Exercise directions:
Only some lines are wanted. Transcribe, exactly, the lines below from the line with "#75=IFCINDEXEDPOLYGONALFACE((2,10,16,8));" up to and including the line with "#93=IFCINDEXEDPOLYGONALFACE((5,7,8,6));".

===== Given records

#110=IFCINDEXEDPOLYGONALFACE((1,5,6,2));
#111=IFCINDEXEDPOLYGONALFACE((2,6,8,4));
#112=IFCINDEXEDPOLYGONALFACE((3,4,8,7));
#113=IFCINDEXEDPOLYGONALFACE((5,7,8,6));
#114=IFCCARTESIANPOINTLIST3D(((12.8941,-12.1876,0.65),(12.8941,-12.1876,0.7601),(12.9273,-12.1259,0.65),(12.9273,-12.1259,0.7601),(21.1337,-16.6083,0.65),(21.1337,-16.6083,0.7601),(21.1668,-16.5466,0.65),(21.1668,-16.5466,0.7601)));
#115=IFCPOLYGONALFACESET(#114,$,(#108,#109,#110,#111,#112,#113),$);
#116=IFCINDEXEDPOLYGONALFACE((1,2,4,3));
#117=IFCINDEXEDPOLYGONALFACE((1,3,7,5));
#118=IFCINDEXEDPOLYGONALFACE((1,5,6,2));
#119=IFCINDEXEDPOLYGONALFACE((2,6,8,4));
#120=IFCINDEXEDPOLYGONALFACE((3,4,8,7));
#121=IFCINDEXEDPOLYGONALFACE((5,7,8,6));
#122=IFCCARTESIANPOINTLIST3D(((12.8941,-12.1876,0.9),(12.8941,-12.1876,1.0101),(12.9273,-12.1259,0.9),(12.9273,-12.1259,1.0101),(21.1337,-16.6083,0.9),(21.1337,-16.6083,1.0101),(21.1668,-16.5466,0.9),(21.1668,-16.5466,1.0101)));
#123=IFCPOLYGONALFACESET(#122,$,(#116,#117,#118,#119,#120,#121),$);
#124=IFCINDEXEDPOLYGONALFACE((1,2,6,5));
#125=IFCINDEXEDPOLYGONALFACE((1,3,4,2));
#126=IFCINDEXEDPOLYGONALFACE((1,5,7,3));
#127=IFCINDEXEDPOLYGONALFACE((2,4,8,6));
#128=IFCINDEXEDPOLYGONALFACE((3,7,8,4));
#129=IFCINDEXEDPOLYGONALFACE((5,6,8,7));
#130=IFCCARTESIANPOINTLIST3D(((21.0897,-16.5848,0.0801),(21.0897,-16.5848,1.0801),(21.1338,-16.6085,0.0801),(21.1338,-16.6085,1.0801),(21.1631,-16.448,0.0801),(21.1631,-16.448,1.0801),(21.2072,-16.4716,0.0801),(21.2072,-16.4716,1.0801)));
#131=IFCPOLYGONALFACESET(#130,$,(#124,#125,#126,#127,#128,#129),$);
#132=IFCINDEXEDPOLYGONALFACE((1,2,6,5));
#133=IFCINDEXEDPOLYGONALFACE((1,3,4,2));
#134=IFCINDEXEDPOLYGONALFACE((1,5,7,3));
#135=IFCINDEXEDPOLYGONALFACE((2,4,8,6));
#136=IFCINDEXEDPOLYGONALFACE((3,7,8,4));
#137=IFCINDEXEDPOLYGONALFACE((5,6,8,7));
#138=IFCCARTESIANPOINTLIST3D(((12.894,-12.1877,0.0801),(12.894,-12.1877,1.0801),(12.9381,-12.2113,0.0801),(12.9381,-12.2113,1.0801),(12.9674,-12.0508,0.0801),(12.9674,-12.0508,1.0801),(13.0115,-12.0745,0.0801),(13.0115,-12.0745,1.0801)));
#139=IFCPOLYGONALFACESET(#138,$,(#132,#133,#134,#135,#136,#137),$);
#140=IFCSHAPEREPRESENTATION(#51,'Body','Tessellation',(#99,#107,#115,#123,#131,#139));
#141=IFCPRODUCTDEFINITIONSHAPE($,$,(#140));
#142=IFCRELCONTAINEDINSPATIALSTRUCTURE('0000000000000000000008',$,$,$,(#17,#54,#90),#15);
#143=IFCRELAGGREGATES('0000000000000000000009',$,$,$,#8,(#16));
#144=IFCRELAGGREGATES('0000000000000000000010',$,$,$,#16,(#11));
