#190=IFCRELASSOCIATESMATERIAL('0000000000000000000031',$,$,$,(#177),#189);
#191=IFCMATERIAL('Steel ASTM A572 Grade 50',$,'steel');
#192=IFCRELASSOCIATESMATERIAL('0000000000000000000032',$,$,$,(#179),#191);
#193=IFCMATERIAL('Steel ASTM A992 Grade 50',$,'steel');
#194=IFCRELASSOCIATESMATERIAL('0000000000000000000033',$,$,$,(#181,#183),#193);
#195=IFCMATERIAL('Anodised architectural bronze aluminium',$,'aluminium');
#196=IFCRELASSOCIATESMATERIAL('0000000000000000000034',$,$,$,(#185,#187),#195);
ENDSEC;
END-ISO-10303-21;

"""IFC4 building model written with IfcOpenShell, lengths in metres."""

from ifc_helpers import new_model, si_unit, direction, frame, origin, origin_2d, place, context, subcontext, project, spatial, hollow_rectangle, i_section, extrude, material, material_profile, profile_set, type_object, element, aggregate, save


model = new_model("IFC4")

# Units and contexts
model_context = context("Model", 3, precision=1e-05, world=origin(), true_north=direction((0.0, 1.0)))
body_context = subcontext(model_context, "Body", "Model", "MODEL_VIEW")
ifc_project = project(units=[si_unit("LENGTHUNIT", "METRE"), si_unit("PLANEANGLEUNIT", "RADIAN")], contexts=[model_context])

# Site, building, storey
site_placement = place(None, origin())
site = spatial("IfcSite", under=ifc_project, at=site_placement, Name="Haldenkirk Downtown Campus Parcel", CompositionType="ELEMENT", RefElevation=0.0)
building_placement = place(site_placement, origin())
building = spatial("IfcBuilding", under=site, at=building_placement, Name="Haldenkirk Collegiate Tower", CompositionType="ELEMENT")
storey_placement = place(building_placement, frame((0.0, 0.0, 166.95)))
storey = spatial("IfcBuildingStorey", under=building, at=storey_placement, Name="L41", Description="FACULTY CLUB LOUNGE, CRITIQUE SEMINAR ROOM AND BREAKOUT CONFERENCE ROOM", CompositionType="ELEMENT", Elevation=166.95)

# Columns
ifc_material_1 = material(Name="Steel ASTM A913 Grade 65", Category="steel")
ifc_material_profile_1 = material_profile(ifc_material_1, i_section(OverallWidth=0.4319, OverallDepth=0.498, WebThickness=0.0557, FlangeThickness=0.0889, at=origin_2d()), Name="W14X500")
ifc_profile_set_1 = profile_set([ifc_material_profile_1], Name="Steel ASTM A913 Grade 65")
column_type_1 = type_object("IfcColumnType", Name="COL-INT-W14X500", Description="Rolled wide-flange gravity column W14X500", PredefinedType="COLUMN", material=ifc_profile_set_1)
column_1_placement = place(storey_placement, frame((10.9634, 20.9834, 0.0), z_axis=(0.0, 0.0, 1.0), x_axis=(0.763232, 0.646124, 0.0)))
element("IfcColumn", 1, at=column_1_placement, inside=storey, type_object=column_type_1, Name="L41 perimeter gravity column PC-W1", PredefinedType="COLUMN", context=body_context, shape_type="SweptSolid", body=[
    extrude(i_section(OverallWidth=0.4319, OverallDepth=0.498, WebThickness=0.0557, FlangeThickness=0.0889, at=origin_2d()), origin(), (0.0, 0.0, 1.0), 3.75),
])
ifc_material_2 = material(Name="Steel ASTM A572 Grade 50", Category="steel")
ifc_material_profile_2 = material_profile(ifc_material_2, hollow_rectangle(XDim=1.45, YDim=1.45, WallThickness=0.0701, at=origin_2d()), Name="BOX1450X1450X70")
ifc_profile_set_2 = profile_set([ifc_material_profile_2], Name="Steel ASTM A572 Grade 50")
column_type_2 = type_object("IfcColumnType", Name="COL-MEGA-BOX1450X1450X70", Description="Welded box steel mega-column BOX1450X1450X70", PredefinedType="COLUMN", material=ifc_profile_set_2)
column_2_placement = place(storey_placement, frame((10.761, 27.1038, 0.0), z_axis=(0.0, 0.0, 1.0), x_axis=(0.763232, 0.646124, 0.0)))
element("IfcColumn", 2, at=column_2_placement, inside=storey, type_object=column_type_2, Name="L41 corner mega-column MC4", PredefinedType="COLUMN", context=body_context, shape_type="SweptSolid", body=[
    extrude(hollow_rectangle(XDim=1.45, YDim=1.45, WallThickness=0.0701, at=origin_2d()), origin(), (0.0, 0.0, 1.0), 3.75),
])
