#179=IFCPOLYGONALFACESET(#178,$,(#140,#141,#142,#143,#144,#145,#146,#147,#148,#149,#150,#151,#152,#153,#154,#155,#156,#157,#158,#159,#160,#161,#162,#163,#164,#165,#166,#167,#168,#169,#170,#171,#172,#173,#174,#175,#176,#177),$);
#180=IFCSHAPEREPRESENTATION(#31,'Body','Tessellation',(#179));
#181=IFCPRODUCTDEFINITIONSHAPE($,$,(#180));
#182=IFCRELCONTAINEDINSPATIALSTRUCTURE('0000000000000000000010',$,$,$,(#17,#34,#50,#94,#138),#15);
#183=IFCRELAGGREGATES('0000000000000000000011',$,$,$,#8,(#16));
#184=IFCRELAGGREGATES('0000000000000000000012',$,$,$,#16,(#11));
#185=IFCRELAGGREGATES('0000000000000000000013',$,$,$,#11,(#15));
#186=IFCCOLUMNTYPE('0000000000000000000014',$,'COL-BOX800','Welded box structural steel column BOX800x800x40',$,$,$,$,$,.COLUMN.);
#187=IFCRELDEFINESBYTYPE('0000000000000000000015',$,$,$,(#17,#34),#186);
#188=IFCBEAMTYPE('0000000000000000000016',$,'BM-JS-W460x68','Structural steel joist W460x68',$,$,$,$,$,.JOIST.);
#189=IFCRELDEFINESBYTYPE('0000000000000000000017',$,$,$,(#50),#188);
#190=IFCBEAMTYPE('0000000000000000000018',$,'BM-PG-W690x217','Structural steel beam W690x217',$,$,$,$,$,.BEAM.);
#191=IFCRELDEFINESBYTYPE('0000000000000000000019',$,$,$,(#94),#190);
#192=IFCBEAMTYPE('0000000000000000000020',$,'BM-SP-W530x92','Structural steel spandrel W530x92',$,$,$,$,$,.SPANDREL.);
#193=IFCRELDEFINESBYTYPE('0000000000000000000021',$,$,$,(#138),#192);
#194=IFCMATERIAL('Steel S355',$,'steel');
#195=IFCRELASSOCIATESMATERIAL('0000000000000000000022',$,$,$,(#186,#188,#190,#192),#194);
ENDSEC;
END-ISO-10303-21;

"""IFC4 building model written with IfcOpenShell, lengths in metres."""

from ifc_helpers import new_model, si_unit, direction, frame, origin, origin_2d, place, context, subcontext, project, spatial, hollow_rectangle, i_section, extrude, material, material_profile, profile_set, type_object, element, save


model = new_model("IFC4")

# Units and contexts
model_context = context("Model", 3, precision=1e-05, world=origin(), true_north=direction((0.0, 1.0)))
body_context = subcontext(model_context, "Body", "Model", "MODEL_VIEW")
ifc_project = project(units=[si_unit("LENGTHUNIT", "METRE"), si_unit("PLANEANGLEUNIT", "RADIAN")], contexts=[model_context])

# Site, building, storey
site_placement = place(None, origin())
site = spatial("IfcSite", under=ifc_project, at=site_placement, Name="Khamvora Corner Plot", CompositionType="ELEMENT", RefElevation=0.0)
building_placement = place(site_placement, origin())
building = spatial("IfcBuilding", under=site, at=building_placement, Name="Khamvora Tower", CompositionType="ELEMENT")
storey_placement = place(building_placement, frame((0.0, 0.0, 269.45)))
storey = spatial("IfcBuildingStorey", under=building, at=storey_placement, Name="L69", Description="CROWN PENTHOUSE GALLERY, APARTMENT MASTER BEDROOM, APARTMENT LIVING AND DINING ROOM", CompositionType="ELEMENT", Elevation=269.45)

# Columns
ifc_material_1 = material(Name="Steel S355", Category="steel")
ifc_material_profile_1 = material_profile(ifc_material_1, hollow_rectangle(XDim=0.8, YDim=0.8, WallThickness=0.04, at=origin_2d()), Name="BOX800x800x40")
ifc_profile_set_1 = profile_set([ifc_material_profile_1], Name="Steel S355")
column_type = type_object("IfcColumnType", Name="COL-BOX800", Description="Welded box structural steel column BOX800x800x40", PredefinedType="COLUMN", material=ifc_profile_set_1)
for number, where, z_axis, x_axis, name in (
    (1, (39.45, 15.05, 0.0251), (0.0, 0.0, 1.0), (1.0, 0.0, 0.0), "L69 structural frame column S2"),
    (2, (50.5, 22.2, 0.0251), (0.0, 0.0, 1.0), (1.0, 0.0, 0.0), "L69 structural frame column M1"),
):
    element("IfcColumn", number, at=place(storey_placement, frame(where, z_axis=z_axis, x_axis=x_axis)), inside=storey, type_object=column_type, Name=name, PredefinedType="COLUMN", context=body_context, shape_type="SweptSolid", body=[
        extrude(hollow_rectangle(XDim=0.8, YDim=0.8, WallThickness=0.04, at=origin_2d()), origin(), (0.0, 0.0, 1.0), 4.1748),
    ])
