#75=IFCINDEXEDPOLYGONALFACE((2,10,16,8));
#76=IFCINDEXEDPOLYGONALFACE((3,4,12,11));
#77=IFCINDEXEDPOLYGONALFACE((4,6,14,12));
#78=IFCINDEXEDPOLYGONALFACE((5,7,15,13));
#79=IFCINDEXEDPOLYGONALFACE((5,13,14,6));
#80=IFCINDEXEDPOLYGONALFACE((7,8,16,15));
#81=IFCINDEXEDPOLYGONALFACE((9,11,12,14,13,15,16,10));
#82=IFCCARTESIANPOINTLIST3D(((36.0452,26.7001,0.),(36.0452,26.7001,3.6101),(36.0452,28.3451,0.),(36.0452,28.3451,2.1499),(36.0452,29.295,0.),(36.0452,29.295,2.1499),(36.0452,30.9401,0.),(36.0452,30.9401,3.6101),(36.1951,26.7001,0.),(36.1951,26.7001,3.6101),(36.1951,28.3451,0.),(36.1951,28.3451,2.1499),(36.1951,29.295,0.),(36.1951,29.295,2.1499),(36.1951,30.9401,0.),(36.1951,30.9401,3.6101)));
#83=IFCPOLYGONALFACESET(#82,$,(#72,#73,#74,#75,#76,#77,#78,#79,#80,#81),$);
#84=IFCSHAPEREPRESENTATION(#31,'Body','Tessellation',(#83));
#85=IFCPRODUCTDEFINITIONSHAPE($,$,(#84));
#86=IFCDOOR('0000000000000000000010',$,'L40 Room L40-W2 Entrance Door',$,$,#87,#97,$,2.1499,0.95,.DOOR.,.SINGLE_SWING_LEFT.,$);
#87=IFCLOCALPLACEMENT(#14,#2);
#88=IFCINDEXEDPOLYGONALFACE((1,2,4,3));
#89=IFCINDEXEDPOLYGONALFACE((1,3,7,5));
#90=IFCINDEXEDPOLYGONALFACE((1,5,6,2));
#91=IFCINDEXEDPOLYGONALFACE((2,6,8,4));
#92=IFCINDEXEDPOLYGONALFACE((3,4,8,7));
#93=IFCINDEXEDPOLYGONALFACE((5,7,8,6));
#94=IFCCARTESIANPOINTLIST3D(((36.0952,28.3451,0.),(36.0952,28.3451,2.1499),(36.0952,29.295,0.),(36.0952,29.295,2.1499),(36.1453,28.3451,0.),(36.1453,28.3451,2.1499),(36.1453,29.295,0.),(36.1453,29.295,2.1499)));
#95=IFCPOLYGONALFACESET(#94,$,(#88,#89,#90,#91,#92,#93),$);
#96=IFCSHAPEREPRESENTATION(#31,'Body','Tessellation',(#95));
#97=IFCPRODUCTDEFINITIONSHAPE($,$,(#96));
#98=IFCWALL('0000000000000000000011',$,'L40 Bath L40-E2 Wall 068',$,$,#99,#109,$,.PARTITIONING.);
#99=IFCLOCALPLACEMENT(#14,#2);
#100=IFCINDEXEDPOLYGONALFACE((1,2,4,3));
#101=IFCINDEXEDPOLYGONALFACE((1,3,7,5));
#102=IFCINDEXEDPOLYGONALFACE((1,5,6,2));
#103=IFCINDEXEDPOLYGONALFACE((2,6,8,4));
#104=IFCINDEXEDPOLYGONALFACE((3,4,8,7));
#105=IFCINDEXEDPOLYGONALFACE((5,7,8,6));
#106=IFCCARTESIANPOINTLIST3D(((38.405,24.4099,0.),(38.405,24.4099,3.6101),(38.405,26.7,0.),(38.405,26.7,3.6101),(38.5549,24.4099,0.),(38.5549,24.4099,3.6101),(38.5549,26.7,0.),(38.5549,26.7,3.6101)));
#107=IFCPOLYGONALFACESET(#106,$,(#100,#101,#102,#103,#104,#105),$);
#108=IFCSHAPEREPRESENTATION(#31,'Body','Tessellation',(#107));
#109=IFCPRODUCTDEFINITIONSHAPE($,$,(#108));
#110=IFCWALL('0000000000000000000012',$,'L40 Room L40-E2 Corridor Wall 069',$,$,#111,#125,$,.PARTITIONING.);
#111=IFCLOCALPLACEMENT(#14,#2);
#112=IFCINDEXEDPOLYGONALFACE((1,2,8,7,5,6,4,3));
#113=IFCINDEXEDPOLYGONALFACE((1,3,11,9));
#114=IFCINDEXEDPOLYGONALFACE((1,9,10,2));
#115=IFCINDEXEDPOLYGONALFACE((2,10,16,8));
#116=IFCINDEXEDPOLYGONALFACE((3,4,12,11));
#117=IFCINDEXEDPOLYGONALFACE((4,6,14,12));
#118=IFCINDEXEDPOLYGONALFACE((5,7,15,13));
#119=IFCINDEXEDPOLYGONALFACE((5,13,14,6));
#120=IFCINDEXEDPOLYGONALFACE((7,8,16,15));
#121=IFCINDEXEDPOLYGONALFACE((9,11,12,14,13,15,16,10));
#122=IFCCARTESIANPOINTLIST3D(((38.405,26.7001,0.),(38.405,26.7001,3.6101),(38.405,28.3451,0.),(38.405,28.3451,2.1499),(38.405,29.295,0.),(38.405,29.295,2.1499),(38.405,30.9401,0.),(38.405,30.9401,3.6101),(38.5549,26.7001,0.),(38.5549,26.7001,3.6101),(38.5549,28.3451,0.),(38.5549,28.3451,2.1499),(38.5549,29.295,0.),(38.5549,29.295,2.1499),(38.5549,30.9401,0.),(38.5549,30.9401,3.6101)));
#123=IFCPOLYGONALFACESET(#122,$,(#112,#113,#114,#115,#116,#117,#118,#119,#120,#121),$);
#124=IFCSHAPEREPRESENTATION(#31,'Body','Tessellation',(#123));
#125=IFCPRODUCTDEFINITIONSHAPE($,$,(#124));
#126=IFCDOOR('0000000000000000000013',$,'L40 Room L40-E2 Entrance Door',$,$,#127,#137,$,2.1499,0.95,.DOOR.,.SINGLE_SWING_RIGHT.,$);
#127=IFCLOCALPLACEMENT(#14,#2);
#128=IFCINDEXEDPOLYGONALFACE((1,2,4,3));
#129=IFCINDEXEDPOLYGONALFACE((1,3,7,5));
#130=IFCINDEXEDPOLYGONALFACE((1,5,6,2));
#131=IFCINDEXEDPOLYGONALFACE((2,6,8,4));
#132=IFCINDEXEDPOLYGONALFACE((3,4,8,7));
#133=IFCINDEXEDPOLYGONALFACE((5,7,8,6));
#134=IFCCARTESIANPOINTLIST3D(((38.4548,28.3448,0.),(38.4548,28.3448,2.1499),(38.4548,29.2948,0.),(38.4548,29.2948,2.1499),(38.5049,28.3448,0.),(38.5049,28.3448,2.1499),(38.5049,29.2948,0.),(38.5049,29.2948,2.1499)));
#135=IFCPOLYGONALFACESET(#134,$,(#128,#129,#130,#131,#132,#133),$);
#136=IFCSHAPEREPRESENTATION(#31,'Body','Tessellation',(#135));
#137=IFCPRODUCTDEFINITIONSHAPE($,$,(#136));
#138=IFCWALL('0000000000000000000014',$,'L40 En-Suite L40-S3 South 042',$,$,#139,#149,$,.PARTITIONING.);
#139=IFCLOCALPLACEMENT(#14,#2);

==========

Worked solution:
#75=IFCINDEXEDPOLYGONALFACE((2,10,16,8));
#76=IFCINDEXEDPOLYGONALFACE((3,4,12,11));
#77=IFCINDEXEDPOLYGONALFACE((4,6,14,12));
#78=IFCINDEXEDPOLYGONALFACE((5,7,15,13));
#79=IFCINDEXEDPOLYGONALFACE((5,13,14,6));
#80=IFCINDEXEDPOLYGONALFACE((7,8,16,15));
#81=IFCINDEXEDPOLYGONALFACE((9,11,12,14,13,15,16,10));
#82=IFCCARTESIANPOINTLIST3D(((36.0452,26.7001,0.),(36.0452,26.7001,3.6101),(36.0452,28.3451,0.),(36.0452,28.3451,2.1499),(36.0452,29.295,0.),(36.0452,29.295,2.1499),(36.0452,30.9401,0.),(36.0452,30.9401,3.6101),(36.1951,26.7001,0.),(36.1951,26.7001,3.6101),(36.1951,28.3451,0.),(36.1951,28.3451,2.1499),(36.1951,29.295,0.),(36.1951,29.295,2.1499),(36.1951,30.9401,0.),(36.1951,30.9401,3.6101)));
#83=IFCPOLYGONALFACESET(#82,$,(#72,#73,#74,#75,#76,#77,#78,#79,#80,#81),$);
#84=IFCSHAPEREPRESENTATION(#31,'Body','Tessellation',(#83));
#85=IFCPRODUCTDEFINITIONSHAPE($,$,(#84));
#86=IFCDOOR('0000000000000000000010',$,'L40 Room L40-W2 Entrance Door',$,$,#87,#97,$,2.1499,0.95,.DOOR.,.SINGLE_SWING_LEFT.,$);
#87=IFCLOCALPLACEMENT(#14,#2);
#88=IFCINDEXEDPOLYGONALFACE((1,2,4,3));
#89=IFCINDEXEDPOLYGONALFACE((1,3,7,5));
#90=IFCINDEXEDPOLYGONALFACE((1,5,6,2));
#91=IFCINDEXEDPOLYGONALFACE((2,6,8,4));
#92=IFCINDEXEDPOLYGONALFACE((3,4,8,7));
#93=IFCINDEXEDPOLYGONALFACE((5,7,8,6));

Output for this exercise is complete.